**Task brief:** Across the entries that follow, count the lines with the string "transom" and reply with that count alone.

**Data extracts:**
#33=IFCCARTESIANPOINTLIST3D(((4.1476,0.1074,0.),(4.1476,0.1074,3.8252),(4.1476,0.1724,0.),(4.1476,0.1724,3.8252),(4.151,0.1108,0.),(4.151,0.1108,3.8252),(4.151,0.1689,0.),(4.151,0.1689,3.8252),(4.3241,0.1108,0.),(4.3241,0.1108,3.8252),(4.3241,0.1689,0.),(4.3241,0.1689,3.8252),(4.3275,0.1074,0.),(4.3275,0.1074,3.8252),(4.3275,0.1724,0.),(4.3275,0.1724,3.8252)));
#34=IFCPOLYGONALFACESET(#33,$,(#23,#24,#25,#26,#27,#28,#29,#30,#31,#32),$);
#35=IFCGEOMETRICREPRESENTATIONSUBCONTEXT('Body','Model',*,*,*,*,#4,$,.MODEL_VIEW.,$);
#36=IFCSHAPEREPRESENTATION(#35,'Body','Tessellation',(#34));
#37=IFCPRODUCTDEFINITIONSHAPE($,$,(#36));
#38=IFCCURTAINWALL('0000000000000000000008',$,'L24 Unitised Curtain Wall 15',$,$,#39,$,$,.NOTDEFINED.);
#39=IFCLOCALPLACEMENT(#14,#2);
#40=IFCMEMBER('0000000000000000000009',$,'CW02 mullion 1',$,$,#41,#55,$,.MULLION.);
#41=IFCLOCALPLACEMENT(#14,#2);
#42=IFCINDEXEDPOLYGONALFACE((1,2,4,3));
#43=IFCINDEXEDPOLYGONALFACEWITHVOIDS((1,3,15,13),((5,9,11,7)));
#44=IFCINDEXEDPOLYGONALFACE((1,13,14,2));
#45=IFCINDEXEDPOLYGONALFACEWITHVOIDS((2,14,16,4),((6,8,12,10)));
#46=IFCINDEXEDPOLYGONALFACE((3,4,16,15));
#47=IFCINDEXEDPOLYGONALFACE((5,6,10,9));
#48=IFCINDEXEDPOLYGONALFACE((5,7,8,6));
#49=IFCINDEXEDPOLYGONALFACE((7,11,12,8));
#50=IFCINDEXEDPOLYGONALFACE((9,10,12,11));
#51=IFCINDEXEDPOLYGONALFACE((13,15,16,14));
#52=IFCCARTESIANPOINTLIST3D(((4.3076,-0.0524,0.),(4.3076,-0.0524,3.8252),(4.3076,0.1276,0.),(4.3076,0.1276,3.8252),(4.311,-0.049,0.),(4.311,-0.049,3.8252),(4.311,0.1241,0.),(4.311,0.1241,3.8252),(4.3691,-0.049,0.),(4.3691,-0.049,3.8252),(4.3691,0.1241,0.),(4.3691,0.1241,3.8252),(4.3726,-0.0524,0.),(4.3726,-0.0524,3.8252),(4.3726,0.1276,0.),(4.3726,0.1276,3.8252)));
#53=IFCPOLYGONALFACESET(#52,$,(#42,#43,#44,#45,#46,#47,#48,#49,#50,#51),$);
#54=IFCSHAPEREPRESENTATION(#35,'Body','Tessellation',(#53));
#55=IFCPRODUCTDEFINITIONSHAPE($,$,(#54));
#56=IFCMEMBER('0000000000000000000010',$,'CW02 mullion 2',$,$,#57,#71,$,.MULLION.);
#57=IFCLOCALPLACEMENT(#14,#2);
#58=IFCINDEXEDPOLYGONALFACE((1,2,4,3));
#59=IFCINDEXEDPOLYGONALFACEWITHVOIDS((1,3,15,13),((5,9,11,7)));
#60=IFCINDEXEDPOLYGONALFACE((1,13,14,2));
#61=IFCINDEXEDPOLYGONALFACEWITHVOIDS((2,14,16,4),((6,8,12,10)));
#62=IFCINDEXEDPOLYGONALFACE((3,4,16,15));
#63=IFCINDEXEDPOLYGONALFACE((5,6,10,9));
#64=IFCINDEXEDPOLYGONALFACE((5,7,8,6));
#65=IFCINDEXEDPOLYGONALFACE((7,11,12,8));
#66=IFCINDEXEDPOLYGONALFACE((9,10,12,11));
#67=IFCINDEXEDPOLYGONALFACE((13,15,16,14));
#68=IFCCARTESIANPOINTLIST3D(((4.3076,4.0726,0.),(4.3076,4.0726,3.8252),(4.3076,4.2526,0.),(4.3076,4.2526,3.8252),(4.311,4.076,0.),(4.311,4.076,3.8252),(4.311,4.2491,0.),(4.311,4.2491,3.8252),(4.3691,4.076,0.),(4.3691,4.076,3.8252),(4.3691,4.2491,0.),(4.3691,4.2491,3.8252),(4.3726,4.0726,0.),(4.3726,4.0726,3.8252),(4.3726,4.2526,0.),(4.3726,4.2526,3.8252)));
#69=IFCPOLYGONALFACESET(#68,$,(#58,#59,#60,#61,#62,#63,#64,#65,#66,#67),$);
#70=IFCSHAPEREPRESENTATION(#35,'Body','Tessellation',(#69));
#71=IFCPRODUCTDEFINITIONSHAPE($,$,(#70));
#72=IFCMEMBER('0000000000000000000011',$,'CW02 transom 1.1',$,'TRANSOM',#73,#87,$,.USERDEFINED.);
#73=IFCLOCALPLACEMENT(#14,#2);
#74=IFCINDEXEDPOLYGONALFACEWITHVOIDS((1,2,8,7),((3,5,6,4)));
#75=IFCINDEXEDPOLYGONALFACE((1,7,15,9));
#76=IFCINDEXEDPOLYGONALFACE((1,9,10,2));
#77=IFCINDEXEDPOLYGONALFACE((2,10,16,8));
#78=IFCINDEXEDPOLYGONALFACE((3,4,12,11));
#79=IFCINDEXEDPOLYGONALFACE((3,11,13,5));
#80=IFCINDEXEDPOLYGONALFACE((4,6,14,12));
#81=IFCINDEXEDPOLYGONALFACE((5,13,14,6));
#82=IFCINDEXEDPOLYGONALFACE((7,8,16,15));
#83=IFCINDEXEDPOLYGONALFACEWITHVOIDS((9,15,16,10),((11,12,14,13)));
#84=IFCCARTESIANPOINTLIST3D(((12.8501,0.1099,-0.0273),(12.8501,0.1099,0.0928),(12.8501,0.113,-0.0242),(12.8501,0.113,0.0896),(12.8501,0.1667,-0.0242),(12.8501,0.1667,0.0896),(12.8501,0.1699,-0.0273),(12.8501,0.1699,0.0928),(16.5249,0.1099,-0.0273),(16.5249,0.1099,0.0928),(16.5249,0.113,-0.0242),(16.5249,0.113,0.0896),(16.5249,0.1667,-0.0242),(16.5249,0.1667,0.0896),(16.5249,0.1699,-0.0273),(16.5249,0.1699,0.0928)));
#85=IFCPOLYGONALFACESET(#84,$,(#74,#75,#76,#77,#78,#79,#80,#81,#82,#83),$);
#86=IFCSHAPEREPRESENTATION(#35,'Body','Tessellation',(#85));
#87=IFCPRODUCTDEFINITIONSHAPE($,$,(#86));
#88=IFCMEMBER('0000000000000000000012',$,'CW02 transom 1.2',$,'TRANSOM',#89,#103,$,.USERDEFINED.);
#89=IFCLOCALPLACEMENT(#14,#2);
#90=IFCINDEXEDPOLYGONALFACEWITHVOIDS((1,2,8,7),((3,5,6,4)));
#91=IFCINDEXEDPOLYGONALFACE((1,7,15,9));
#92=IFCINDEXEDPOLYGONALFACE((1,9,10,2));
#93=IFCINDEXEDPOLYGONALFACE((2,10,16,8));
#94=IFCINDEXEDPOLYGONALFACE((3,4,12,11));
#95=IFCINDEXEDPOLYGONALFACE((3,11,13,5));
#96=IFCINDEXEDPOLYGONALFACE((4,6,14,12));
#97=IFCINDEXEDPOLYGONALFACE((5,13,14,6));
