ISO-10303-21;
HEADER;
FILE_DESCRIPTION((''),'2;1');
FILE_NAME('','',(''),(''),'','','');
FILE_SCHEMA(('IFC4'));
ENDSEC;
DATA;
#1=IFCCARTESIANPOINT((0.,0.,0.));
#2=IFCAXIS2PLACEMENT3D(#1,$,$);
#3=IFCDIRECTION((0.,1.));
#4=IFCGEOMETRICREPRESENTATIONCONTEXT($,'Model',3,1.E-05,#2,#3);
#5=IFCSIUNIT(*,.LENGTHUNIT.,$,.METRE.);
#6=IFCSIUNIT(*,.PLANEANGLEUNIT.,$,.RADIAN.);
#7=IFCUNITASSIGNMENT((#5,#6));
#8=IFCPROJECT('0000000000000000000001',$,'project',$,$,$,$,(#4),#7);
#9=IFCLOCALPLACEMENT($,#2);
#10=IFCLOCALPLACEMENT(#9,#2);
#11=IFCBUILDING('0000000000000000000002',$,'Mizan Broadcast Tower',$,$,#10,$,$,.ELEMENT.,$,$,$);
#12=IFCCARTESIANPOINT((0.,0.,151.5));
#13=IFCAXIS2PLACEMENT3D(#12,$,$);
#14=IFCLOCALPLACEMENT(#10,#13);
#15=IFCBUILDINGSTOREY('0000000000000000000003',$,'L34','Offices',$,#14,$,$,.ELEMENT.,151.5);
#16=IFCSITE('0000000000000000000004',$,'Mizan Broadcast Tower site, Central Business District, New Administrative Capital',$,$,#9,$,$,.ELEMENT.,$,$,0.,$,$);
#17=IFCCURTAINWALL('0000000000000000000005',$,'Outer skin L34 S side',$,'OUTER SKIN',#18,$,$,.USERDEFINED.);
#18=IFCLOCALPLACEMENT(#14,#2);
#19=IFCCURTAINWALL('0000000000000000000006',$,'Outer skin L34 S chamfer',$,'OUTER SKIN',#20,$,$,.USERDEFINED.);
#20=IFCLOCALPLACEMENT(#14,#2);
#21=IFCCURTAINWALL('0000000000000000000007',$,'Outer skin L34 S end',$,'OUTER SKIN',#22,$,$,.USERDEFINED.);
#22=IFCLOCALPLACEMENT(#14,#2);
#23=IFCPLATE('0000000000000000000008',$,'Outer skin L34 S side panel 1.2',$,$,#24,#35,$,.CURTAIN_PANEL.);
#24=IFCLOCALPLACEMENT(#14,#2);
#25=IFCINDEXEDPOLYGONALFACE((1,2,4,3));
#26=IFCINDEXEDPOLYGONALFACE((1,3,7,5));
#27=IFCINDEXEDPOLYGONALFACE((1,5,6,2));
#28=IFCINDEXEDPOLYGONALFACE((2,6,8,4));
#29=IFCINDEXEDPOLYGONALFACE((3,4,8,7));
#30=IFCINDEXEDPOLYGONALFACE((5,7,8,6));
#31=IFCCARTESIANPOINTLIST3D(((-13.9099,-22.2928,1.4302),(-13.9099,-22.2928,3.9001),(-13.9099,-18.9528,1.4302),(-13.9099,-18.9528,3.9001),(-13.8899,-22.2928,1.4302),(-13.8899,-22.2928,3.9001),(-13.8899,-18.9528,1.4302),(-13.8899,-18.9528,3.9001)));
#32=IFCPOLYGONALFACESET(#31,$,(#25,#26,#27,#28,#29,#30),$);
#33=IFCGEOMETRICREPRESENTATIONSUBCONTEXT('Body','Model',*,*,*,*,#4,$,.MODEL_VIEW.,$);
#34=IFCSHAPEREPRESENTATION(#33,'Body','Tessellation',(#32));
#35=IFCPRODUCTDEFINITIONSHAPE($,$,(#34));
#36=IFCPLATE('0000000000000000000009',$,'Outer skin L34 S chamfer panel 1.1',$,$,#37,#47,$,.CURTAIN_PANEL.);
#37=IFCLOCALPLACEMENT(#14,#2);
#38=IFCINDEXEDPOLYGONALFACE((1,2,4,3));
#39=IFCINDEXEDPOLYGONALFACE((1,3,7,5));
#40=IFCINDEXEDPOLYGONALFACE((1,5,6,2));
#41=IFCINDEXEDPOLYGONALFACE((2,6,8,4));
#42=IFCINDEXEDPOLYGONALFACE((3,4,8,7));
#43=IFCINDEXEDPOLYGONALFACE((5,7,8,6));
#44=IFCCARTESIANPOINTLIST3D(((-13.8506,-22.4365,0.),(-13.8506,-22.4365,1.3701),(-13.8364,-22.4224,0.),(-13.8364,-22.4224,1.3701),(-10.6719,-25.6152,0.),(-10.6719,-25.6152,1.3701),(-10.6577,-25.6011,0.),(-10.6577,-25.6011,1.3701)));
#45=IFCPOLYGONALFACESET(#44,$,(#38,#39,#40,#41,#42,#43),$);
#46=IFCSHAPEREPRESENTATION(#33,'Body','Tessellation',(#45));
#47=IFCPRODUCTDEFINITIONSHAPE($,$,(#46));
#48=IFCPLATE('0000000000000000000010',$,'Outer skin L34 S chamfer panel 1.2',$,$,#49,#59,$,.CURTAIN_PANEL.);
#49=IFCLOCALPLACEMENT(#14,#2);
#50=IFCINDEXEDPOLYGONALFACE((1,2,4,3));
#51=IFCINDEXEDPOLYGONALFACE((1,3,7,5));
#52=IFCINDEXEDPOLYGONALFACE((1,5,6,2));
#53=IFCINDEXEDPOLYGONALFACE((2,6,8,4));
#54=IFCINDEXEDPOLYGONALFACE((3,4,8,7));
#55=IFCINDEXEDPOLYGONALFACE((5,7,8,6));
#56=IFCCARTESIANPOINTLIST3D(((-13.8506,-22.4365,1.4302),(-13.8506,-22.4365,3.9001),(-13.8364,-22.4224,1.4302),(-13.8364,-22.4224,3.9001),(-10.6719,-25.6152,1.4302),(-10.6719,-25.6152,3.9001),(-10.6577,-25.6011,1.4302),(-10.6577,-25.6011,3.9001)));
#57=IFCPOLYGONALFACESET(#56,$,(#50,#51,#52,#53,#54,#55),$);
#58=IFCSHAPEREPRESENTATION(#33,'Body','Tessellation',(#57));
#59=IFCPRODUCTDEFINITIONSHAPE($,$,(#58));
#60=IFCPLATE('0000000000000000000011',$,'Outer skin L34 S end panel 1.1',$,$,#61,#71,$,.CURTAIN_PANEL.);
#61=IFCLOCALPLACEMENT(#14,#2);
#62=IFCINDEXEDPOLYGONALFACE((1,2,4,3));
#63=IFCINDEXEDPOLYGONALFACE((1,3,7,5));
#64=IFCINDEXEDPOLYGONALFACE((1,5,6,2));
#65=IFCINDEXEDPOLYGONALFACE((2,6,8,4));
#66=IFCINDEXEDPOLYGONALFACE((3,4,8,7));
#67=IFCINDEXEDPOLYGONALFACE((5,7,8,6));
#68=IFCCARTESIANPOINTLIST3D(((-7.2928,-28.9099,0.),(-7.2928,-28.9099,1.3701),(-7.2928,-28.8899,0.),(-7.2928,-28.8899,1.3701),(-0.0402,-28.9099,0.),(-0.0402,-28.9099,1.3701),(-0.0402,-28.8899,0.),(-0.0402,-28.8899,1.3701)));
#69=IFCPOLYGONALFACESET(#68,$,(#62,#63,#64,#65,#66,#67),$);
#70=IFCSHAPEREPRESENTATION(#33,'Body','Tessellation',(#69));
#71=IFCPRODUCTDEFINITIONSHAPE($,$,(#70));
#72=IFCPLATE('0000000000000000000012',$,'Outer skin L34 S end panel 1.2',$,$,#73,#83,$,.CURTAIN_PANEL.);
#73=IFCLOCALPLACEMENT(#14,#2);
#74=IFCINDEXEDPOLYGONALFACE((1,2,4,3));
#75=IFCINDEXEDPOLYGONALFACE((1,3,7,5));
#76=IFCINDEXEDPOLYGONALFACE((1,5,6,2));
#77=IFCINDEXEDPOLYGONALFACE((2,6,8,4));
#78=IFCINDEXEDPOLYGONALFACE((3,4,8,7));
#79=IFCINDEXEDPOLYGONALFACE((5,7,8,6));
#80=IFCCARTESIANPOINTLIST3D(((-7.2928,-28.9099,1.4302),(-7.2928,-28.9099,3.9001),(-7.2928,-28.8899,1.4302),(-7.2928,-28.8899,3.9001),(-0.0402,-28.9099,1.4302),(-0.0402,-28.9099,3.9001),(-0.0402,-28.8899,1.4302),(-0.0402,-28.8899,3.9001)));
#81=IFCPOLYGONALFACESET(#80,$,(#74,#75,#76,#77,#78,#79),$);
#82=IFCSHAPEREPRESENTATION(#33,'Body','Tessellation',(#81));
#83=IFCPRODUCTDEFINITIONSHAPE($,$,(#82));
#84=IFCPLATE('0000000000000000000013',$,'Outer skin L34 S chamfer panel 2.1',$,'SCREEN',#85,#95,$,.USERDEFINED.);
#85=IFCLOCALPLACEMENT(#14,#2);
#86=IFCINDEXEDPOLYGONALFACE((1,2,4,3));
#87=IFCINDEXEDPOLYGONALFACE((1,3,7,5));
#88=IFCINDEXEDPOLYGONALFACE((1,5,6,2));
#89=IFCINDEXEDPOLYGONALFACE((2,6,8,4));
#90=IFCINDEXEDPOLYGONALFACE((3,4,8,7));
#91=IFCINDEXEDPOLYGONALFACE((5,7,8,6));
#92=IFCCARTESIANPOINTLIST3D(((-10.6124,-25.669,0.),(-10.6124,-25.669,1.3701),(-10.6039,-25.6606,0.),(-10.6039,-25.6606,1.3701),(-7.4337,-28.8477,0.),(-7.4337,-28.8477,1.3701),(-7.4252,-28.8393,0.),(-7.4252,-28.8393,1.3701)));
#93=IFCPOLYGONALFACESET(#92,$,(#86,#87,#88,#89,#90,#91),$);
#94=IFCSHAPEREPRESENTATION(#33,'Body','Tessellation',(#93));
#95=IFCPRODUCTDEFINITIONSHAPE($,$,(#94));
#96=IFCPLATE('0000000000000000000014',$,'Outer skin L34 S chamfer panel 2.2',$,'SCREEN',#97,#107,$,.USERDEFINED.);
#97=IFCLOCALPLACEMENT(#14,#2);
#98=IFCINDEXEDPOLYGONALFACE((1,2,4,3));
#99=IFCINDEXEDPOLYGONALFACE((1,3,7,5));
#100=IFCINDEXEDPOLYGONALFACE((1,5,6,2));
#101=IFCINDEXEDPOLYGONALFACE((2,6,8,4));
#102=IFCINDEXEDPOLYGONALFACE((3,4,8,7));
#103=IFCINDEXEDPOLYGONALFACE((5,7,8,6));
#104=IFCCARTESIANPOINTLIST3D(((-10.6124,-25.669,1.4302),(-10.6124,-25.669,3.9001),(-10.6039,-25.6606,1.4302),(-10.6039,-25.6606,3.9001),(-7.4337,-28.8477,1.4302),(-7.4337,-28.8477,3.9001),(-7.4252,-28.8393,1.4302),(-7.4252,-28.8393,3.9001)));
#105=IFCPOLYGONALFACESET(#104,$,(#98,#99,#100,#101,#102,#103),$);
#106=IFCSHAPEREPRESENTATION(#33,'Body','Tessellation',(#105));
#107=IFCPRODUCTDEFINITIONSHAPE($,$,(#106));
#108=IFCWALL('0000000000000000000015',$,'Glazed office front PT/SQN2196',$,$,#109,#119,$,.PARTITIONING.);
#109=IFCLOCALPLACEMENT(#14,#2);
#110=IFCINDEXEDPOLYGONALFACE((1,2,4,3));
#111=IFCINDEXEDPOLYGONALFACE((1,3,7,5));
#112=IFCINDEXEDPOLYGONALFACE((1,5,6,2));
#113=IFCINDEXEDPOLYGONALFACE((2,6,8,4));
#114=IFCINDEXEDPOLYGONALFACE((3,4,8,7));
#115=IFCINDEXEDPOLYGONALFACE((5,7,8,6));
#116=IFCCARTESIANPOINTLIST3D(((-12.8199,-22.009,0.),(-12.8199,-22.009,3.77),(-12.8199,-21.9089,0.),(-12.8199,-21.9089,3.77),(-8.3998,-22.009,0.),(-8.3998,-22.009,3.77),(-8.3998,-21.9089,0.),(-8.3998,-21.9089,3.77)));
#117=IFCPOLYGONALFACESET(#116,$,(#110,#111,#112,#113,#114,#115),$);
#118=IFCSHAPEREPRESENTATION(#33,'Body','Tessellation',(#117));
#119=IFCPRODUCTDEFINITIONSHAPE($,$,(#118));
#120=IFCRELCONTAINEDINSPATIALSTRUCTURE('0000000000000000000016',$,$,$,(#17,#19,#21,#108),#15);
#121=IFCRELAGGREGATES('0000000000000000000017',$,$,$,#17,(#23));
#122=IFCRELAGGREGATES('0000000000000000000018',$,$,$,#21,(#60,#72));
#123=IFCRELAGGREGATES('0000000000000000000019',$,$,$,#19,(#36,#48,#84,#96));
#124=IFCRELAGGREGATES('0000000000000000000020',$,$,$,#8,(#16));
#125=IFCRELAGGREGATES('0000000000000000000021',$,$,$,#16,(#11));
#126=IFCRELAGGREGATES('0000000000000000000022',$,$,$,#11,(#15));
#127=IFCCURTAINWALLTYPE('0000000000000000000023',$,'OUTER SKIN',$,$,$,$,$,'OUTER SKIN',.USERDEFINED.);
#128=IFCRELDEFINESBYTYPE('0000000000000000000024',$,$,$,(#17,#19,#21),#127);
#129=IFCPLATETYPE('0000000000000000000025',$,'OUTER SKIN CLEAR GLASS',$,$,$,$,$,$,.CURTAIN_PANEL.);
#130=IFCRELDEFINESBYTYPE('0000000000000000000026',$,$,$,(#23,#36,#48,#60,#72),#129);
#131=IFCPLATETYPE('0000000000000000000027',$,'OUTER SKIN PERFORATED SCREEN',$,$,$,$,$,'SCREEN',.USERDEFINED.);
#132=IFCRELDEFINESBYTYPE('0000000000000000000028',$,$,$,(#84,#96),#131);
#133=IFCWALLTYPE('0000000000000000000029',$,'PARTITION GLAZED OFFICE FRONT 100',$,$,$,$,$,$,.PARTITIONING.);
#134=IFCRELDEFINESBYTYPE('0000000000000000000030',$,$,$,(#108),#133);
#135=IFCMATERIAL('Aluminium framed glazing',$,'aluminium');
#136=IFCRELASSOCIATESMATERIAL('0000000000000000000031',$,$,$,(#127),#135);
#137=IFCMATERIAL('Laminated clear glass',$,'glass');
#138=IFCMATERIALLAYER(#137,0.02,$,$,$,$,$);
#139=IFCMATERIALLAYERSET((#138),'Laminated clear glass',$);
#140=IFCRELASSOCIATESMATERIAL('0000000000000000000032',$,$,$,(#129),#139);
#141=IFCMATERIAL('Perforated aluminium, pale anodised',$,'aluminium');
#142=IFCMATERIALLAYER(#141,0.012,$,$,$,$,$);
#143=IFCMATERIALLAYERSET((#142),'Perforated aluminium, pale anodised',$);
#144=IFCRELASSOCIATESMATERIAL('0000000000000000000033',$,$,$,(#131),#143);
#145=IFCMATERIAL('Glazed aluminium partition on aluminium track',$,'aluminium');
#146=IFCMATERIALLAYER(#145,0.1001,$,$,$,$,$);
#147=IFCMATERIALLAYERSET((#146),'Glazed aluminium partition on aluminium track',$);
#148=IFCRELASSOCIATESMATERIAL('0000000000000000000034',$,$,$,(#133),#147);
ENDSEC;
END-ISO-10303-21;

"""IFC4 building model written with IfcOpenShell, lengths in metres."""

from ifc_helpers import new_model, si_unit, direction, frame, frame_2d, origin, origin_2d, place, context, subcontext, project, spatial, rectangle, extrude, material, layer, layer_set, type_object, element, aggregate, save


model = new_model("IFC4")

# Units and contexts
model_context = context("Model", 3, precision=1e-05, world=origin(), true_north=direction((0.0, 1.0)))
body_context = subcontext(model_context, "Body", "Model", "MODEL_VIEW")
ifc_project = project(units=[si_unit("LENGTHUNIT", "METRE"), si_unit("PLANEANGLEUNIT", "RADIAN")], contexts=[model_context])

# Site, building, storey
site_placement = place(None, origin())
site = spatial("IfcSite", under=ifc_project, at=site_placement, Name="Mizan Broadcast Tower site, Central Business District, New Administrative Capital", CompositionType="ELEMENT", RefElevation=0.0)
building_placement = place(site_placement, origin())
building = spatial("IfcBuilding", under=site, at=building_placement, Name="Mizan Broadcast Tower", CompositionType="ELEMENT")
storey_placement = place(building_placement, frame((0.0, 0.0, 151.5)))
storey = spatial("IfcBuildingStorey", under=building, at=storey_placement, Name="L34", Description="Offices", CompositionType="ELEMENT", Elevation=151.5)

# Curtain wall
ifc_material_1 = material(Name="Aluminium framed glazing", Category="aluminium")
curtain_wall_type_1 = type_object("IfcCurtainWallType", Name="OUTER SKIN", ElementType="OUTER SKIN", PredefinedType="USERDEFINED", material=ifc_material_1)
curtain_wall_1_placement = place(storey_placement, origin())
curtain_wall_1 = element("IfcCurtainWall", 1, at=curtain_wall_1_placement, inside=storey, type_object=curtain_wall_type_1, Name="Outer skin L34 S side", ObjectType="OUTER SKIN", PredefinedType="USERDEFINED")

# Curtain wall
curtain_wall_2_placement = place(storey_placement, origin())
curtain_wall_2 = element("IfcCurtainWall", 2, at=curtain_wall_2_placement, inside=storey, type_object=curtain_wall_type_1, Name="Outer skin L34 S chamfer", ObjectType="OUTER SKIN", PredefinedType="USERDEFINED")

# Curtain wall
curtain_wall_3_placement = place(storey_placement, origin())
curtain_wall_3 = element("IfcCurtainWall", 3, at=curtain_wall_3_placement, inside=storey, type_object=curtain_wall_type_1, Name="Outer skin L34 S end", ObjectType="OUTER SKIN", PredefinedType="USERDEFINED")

**Reply:** 2